>>>>>

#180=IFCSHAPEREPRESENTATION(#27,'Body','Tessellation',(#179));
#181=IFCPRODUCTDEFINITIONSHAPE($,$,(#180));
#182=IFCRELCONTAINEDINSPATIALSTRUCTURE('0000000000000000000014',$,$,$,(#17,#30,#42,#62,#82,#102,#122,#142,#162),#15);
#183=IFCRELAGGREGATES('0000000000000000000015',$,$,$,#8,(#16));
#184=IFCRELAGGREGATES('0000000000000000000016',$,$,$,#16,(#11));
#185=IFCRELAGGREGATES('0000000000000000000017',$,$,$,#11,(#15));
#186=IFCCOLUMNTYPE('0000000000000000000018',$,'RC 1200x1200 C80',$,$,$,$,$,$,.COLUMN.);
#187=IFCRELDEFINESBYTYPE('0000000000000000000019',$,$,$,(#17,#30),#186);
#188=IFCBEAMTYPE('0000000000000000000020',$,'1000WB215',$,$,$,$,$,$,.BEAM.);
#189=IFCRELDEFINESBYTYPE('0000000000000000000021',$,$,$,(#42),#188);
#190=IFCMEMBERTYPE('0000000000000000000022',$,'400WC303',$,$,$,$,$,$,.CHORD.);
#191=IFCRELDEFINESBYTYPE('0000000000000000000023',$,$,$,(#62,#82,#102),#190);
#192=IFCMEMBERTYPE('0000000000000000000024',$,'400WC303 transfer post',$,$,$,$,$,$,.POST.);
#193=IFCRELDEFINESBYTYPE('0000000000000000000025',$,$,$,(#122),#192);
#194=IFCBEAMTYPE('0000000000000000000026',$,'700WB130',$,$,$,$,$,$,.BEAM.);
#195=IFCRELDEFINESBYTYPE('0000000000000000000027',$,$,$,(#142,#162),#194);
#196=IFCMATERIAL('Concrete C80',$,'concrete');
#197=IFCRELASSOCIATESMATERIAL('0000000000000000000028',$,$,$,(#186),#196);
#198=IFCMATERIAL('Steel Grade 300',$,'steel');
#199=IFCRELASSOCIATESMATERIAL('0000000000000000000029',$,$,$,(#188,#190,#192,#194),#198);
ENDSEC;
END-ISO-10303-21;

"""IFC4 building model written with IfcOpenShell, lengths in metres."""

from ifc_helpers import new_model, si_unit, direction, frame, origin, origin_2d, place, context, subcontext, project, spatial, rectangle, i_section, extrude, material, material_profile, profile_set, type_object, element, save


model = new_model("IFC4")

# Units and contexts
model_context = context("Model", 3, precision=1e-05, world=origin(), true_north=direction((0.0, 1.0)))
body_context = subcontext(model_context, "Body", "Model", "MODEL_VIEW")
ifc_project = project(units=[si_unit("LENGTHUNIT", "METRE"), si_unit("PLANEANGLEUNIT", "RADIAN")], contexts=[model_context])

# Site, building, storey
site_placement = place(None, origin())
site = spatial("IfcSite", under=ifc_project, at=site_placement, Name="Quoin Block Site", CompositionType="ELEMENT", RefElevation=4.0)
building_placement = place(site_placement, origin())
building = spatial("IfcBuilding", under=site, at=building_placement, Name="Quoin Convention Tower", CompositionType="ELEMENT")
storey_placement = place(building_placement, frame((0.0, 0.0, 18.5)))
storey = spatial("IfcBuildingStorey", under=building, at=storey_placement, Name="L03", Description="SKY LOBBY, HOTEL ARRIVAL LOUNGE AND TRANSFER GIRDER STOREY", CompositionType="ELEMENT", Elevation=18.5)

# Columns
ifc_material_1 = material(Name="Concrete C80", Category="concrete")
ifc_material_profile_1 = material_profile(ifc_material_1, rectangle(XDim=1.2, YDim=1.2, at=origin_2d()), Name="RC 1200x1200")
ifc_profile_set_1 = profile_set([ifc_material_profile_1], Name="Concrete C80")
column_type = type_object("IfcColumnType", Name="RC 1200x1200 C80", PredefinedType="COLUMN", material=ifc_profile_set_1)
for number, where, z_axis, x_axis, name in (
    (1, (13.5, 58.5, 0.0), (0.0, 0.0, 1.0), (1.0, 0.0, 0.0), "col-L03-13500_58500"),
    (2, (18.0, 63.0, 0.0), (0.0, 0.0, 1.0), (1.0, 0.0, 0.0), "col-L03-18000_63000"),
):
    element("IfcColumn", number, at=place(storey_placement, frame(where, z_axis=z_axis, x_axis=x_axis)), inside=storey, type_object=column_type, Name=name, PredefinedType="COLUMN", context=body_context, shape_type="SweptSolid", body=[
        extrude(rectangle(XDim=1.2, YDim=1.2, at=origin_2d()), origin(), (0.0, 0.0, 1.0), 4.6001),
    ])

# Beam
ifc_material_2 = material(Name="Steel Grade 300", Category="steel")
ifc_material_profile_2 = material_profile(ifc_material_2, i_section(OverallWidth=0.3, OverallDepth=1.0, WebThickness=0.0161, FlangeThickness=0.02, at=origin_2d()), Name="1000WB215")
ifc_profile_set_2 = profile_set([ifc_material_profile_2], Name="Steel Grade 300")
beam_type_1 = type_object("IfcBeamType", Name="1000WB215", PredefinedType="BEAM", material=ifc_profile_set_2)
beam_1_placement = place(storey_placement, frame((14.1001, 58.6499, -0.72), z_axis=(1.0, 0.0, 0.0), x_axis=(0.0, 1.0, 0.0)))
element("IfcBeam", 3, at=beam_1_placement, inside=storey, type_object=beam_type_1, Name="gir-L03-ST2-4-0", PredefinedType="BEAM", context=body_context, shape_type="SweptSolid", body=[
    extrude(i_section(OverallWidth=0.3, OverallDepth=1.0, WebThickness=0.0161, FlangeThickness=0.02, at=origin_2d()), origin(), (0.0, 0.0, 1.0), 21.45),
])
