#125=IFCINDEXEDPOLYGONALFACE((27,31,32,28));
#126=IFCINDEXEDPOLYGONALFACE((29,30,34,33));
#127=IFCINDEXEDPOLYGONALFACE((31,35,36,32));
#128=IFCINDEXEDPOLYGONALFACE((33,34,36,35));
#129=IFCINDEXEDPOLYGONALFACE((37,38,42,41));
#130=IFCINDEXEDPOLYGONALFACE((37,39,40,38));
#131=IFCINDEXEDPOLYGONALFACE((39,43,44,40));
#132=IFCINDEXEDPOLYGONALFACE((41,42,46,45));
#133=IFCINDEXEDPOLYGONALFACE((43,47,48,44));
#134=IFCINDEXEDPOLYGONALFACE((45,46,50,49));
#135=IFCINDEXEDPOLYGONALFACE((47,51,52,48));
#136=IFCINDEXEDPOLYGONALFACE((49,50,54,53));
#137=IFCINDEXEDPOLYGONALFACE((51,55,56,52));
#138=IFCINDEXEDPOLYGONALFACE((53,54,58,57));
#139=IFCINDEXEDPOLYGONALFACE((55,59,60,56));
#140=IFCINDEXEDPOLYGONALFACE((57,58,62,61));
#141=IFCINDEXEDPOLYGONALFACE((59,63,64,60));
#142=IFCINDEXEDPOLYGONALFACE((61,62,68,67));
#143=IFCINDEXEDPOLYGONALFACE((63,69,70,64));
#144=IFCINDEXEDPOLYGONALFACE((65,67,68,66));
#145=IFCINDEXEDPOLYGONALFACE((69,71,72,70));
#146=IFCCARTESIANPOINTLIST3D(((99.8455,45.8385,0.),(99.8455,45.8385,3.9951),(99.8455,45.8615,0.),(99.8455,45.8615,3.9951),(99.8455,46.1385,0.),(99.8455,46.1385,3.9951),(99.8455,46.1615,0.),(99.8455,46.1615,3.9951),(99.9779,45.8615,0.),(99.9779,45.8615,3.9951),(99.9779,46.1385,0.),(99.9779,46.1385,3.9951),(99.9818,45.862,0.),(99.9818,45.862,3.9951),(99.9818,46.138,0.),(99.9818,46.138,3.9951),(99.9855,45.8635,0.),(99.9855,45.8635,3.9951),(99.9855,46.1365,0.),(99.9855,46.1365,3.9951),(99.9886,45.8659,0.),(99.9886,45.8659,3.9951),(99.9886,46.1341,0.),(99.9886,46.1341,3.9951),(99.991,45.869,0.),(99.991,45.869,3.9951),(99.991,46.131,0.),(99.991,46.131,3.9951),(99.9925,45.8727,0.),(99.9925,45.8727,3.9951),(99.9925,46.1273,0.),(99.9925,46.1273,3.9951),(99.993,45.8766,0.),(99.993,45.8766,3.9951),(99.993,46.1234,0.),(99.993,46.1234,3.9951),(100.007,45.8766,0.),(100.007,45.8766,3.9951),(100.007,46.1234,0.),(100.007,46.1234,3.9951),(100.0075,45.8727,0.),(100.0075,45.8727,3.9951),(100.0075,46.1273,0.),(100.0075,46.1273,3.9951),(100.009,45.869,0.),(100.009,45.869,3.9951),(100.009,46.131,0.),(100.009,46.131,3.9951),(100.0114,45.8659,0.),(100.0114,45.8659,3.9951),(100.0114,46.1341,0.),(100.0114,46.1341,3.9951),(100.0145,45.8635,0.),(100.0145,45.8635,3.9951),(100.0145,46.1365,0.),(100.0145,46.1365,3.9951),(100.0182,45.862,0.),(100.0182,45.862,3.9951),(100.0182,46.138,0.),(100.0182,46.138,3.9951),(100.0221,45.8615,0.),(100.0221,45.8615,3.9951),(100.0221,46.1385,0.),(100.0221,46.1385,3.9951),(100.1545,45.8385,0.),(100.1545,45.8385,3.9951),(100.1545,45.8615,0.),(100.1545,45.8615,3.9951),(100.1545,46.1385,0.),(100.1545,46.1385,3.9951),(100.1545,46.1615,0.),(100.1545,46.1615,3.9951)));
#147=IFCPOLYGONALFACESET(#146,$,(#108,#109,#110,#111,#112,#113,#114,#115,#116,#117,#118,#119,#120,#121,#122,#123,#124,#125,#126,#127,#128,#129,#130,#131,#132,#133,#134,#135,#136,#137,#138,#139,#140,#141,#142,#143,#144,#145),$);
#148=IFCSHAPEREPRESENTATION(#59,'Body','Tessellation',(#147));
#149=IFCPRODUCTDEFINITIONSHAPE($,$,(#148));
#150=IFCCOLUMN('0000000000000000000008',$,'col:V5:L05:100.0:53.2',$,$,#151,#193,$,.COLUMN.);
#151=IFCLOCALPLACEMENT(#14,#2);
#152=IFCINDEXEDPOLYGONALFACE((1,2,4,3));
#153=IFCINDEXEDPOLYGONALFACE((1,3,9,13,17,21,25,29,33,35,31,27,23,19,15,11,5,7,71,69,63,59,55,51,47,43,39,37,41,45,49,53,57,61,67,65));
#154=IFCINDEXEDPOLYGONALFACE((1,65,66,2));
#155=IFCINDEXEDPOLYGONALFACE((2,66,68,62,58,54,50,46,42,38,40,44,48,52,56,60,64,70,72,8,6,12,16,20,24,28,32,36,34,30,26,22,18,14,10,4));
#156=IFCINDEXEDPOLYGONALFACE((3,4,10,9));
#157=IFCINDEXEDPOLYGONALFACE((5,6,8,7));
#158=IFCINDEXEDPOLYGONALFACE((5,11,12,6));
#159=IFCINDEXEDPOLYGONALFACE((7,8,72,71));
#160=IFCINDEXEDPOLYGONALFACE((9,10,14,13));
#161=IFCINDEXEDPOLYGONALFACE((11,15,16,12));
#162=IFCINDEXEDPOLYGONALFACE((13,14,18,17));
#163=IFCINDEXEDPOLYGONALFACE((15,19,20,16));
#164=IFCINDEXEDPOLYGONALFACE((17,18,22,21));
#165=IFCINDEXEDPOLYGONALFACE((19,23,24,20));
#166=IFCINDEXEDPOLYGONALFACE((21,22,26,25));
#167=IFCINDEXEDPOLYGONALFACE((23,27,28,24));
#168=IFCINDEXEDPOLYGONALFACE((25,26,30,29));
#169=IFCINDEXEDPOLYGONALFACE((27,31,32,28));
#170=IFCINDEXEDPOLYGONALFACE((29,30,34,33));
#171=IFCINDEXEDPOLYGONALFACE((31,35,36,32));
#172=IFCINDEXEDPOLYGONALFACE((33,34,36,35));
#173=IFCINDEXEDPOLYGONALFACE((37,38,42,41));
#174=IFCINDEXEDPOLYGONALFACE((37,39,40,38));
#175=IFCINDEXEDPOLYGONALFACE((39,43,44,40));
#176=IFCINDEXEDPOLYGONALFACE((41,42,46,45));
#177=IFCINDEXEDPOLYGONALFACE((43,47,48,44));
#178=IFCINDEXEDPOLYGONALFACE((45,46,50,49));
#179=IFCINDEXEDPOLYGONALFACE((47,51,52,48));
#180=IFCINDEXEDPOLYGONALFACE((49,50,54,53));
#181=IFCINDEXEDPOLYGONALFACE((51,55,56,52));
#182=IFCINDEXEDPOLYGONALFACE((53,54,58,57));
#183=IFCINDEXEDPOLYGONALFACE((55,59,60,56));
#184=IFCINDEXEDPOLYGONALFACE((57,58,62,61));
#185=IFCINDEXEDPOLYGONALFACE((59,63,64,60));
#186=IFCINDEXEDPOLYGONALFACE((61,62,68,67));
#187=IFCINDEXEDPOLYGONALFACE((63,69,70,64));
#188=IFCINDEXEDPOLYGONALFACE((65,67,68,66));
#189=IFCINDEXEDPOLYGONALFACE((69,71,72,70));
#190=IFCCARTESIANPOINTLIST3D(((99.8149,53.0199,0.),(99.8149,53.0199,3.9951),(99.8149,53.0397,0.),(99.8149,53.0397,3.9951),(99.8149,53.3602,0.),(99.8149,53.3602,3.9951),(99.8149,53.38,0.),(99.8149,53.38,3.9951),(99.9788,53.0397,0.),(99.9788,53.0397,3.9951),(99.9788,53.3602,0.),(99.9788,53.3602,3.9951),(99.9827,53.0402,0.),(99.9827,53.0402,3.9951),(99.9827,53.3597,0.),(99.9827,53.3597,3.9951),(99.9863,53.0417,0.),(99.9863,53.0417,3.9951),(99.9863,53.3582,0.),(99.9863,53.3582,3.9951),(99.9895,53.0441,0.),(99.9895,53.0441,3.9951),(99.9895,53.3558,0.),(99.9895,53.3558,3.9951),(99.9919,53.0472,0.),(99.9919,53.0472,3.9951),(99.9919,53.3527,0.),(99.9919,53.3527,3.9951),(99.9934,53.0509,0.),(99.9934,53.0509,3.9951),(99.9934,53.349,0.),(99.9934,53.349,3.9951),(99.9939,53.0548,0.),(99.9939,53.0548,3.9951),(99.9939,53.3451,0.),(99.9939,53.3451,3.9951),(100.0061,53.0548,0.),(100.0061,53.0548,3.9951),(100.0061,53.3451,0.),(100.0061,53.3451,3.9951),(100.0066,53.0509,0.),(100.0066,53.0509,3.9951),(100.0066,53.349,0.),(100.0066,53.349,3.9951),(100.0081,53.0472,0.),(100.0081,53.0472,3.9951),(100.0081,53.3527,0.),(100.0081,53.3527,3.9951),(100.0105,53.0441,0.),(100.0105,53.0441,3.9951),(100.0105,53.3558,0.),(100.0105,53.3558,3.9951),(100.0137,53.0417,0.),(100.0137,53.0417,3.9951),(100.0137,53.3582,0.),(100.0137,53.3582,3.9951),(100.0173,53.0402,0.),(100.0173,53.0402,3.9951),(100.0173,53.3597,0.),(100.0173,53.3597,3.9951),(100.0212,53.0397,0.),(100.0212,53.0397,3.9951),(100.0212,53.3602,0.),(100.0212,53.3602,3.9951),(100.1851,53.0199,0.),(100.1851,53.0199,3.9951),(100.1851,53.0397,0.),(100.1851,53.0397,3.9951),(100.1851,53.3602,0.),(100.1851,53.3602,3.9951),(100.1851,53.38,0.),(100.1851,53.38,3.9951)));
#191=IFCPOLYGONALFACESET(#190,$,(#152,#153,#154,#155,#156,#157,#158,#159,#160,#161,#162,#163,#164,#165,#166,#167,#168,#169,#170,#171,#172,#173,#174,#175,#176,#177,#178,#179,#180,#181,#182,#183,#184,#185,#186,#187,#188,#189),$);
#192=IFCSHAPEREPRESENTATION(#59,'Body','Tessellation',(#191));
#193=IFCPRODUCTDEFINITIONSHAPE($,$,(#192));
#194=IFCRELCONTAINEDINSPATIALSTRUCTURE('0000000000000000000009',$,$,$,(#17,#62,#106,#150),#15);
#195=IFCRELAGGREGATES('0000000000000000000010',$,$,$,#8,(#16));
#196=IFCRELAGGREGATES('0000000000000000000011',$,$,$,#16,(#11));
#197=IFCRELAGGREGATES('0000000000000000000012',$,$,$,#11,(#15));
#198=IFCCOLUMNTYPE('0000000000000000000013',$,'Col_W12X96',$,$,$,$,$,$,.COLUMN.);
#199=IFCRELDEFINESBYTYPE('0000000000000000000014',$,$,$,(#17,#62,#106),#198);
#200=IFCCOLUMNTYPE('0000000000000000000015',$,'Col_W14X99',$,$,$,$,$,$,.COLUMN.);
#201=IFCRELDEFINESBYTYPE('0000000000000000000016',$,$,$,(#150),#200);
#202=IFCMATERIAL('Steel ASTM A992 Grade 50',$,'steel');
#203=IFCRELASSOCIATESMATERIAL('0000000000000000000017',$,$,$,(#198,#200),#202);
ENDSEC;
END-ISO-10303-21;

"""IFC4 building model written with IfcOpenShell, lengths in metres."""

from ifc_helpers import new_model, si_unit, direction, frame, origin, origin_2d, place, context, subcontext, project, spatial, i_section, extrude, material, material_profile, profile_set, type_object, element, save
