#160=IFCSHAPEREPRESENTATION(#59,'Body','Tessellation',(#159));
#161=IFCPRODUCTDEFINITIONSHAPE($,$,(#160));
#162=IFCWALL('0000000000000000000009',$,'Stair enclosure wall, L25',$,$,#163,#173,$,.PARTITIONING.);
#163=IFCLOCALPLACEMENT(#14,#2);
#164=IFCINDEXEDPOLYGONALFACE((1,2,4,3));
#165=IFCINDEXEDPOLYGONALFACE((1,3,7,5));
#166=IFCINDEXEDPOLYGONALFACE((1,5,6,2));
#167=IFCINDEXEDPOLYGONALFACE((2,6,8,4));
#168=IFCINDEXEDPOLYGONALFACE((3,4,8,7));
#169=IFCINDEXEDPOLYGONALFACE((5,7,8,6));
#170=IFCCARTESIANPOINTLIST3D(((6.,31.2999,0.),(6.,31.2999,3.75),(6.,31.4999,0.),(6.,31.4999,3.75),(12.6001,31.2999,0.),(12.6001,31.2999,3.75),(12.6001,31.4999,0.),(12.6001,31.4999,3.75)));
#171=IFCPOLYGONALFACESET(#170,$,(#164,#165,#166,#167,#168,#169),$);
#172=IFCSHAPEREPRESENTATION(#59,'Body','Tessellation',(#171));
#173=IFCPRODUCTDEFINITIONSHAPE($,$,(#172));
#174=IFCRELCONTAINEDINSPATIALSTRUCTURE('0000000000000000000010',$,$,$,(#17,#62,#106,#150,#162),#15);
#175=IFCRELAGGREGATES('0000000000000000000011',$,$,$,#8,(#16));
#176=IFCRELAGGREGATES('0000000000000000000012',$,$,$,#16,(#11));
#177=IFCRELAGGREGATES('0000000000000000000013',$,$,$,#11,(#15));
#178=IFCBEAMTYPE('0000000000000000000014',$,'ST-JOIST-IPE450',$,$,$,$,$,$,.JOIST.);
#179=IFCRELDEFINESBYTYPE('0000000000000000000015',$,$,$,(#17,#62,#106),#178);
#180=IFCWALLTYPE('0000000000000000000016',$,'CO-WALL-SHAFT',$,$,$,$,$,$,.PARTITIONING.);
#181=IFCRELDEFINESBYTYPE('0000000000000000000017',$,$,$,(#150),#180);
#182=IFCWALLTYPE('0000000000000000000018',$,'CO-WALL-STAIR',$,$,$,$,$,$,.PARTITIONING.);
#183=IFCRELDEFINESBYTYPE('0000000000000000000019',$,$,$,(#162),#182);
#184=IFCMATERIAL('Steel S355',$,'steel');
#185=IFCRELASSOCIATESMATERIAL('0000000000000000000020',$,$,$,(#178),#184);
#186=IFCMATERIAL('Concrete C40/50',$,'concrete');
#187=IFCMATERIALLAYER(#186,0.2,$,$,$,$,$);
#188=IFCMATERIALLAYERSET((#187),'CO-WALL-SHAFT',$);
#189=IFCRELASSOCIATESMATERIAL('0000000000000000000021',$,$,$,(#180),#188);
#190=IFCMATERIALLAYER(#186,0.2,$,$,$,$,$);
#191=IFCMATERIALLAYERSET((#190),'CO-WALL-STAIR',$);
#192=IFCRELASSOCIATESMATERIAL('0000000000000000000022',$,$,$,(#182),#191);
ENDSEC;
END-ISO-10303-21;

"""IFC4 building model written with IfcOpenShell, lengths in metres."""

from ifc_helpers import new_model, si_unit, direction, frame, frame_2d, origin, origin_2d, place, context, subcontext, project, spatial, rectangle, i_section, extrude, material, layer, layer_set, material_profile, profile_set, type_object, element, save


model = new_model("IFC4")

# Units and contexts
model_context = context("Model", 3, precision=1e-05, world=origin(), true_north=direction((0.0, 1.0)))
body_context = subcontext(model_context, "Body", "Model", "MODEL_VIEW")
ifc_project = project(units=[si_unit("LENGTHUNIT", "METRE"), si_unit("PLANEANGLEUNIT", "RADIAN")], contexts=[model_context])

<<<<<

* **Work order**: All lines in the data above from the one with "#193=IFCPRODUCTDEFINITIONSHAPE($,$,(#192));" through the one with "#195=IFCRELAGGREGATES('0000000000000000000010',$,$,$,#8,(#16));" must be repeated exactly, and no others.

* **Exercise result**:
#193=IFCPRODUCTDEFINITIONSHAPE($,$,(#192));
#194=IFCRELCONTAINEDINSPATIALSTRUCTURE('0000000000000000000009',$,$,$,(#17,#62,#106,#150),#15);
#195=IFCRELAGGREGATES('0000000000000000000010',$,$,$,#8,(#16));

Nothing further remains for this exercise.